- **Assignment**
Starting from the first line below, count every line holding the word "Girder", then state the total alone.
START Data for review
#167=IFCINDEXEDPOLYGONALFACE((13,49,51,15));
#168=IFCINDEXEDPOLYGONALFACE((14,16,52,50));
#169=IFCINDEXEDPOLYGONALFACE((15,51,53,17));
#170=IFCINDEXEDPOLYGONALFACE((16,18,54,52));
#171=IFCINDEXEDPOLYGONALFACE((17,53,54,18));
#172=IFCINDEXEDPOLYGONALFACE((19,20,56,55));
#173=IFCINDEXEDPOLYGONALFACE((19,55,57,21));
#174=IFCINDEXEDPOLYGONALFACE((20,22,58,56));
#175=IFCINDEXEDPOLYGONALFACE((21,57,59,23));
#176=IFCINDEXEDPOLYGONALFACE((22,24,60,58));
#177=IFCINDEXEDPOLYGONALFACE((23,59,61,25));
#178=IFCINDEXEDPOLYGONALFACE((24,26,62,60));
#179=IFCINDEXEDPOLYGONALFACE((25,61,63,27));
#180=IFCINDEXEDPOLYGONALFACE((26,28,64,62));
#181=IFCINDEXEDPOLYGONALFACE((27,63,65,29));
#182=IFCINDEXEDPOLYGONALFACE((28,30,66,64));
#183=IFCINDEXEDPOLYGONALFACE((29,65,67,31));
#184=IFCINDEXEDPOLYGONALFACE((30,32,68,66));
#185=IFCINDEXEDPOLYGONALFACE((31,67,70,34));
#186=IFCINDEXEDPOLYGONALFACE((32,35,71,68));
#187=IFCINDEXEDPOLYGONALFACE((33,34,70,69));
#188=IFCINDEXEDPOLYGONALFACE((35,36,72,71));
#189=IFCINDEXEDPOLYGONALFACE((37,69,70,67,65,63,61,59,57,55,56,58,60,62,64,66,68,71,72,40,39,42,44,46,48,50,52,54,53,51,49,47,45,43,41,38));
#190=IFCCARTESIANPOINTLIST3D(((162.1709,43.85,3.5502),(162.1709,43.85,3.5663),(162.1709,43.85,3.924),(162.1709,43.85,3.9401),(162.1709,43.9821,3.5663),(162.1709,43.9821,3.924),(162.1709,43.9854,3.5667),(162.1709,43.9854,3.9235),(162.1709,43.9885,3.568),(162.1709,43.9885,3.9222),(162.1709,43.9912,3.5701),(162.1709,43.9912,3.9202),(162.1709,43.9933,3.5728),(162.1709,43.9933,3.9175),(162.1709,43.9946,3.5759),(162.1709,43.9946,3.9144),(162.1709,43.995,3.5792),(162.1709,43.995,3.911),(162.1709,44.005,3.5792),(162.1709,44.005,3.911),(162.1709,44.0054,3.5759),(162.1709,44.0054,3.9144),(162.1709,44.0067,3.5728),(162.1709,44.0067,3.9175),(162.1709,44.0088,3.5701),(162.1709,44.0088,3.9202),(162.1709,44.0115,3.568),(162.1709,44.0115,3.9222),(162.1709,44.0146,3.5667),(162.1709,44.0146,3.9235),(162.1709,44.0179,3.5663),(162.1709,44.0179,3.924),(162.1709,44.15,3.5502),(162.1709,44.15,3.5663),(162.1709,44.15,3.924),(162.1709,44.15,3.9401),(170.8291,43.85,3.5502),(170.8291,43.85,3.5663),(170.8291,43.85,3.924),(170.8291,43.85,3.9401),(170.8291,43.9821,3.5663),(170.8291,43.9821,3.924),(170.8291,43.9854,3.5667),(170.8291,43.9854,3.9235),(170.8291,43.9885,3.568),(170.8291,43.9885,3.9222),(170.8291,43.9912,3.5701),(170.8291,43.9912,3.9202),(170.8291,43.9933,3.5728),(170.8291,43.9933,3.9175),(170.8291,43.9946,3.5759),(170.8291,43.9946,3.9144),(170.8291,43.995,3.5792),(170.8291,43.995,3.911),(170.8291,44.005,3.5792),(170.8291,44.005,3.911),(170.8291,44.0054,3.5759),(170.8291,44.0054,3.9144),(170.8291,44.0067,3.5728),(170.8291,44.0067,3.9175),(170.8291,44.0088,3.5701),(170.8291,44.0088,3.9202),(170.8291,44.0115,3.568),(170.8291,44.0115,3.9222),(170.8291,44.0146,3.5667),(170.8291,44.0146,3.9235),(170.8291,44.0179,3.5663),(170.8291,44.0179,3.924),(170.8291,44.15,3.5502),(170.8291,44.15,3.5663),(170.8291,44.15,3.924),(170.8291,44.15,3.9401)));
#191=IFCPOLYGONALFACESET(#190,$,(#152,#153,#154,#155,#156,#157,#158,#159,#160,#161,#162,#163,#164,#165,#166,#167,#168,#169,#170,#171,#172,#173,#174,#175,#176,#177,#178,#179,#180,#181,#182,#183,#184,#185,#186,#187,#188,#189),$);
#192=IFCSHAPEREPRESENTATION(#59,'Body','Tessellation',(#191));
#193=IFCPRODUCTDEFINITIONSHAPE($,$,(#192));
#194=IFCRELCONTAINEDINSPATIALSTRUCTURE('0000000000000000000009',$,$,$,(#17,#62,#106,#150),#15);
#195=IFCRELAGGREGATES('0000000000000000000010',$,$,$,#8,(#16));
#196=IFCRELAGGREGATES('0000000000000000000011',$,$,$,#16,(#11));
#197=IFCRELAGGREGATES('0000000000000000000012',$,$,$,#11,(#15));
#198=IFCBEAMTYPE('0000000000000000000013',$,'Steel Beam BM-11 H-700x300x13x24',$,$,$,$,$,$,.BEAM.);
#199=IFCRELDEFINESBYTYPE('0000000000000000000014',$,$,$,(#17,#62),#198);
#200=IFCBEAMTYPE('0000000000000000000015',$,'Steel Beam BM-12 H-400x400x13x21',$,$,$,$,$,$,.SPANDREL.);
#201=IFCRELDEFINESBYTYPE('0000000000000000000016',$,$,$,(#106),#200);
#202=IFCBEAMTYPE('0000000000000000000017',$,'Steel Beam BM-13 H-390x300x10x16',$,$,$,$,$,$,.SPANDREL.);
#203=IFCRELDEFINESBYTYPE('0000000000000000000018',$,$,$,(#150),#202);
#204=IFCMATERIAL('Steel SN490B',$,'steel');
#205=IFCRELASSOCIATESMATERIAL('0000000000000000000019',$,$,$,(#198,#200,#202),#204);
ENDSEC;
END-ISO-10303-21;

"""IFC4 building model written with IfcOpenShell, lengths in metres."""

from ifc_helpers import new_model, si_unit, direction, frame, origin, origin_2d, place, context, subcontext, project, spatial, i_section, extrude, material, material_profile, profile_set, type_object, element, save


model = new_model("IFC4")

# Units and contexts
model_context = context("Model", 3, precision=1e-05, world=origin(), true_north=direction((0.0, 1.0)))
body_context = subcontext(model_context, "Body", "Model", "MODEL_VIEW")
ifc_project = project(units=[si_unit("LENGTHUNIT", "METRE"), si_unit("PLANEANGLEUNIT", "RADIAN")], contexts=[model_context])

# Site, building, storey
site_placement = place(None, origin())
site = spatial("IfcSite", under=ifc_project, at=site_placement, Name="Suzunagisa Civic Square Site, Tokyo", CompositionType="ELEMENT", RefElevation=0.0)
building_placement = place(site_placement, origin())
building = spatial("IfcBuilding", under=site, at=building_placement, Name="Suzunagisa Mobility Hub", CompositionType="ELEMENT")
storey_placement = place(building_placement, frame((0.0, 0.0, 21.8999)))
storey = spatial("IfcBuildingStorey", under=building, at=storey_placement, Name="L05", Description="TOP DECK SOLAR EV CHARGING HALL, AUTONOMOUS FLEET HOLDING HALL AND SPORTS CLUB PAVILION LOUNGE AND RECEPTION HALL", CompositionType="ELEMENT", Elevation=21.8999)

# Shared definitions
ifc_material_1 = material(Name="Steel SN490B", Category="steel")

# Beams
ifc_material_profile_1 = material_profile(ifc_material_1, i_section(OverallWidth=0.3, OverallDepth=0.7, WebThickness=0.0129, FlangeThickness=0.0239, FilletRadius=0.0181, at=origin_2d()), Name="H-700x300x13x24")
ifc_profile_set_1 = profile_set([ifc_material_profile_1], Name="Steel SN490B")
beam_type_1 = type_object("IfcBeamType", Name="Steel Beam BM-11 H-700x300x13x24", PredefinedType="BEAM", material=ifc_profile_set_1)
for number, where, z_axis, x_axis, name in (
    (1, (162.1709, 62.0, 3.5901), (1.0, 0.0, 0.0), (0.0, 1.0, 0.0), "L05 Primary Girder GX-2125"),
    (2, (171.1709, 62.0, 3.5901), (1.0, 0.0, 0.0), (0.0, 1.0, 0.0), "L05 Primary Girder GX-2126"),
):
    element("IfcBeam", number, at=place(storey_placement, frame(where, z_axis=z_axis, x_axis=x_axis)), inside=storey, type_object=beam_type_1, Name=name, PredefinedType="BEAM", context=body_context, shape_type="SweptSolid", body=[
END Data for review
- **Written response**
2